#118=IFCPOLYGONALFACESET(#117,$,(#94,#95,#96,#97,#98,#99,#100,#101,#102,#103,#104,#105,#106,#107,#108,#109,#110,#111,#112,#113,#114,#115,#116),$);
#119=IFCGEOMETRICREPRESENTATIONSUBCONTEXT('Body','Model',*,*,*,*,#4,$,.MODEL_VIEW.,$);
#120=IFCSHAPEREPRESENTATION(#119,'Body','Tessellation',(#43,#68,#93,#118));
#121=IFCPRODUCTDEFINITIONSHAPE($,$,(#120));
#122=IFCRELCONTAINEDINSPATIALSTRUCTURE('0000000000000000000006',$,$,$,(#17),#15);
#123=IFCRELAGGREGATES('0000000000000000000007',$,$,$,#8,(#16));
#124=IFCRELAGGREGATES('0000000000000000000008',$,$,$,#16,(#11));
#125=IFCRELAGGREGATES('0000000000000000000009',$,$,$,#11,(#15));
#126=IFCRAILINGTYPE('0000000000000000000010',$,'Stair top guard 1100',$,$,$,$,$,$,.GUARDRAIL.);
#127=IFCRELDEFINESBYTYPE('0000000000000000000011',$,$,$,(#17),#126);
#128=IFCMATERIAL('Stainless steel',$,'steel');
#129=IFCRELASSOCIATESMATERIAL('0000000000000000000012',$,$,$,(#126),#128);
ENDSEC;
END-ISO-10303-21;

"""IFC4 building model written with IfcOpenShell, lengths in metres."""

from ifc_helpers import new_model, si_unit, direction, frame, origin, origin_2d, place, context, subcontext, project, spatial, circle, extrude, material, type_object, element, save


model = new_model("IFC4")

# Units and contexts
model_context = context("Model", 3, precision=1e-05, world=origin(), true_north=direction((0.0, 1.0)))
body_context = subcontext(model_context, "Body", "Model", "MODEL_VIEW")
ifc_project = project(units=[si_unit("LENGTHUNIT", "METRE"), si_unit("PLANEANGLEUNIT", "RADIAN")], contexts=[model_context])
####
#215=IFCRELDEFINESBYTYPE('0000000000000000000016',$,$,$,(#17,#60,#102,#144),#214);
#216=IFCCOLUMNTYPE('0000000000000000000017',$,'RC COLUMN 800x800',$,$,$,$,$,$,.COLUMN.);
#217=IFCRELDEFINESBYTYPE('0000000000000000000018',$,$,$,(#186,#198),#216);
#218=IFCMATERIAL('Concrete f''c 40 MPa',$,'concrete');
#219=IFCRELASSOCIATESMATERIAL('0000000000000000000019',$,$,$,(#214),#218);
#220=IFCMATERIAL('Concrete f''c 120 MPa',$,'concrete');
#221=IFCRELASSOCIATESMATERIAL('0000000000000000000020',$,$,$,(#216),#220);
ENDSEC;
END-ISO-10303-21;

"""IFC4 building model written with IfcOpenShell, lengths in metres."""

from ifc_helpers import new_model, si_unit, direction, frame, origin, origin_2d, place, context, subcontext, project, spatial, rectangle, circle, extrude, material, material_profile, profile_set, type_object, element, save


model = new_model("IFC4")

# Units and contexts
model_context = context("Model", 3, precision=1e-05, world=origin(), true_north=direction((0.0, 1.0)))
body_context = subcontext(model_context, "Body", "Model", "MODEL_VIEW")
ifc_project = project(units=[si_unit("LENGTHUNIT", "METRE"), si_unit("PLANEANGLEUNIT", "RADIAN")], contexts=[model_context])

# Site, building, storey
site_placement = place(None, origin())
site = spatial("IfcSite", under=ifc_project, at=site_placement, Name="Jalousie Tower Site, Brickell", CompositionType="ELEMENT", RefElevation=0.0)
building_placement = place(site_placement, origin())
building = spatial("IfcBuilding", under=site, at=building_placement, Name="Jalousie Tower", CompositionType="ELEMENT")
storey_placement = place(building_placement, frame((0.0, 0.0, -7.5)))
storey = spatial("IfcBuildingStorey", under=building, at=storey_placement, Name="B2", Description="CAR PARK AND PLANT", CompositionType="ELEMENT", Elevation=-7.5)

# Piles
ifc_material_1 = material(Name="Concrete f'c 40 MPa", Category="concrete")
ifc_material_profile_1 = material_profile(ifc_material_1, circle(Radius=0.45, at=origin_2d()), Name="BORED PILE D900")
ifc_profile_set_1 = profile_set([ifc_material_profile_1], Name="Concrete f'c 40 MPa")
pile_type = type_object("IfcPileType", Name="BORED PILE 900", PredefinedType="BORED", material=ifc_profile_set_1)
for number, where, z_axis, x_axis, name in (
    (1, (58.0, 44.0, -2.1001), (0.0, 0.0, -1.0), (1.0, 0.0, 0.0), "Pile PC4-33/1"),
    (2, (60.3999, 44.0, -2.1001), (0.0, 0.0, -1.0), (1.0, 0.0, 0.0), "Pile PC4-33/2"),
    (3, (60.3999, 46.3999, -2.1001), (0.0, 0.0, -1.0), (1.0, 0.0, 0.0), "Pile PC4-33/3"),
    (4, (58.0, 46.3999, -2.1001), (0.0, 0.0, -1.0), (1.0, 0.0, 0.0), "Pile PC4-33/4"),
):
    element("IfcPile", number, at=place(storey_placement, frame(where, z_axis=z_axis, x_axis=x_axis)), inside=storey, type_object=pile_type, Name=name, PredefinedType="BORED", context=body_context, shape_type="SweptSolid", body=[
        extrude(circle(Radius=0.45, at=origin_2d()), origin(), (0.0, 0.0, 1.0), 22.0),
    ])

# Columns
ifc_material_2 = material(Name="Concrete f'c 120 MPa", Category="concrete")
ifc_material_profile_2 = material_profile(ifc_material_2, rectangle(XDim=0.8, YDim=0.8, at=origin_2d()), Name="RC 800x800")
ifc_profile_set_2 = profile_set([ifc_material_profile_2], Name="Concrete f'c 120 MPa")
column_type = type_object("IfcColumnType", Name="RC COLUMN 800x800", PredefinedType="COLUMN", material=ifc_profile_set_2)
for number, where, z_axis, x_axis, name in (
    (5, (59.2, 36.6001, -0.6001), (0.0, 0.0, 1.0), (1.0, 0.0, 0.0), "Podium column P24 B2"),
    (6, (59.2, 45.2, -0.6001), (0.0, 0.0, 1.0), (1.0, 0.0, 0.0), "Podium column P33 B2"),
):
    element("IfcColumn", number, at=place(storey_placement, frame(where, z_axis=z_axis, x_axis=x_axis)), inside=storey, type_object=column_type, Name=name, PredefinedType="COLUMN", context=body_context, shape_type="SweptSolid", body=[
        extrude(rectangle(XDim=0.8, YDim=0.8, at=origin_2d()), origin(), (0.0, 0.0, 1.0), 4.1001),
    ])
####
■ YOUR GOAL:
For every line above that holds the word "YDim", report the whole line.

■ WRITTEN REPLY:
ifc_material_profile_2 = material_profile(ifc_material_2, rectangle(XDim=0.8, YDim=0.8, at=origin_2d()), Name="RC 800x800")
        extrude(rectangle(XDim=0.8, YDim=0.8, at=origin_2d()), origin(), (0.0, 0.0, 1.0), 4.1001),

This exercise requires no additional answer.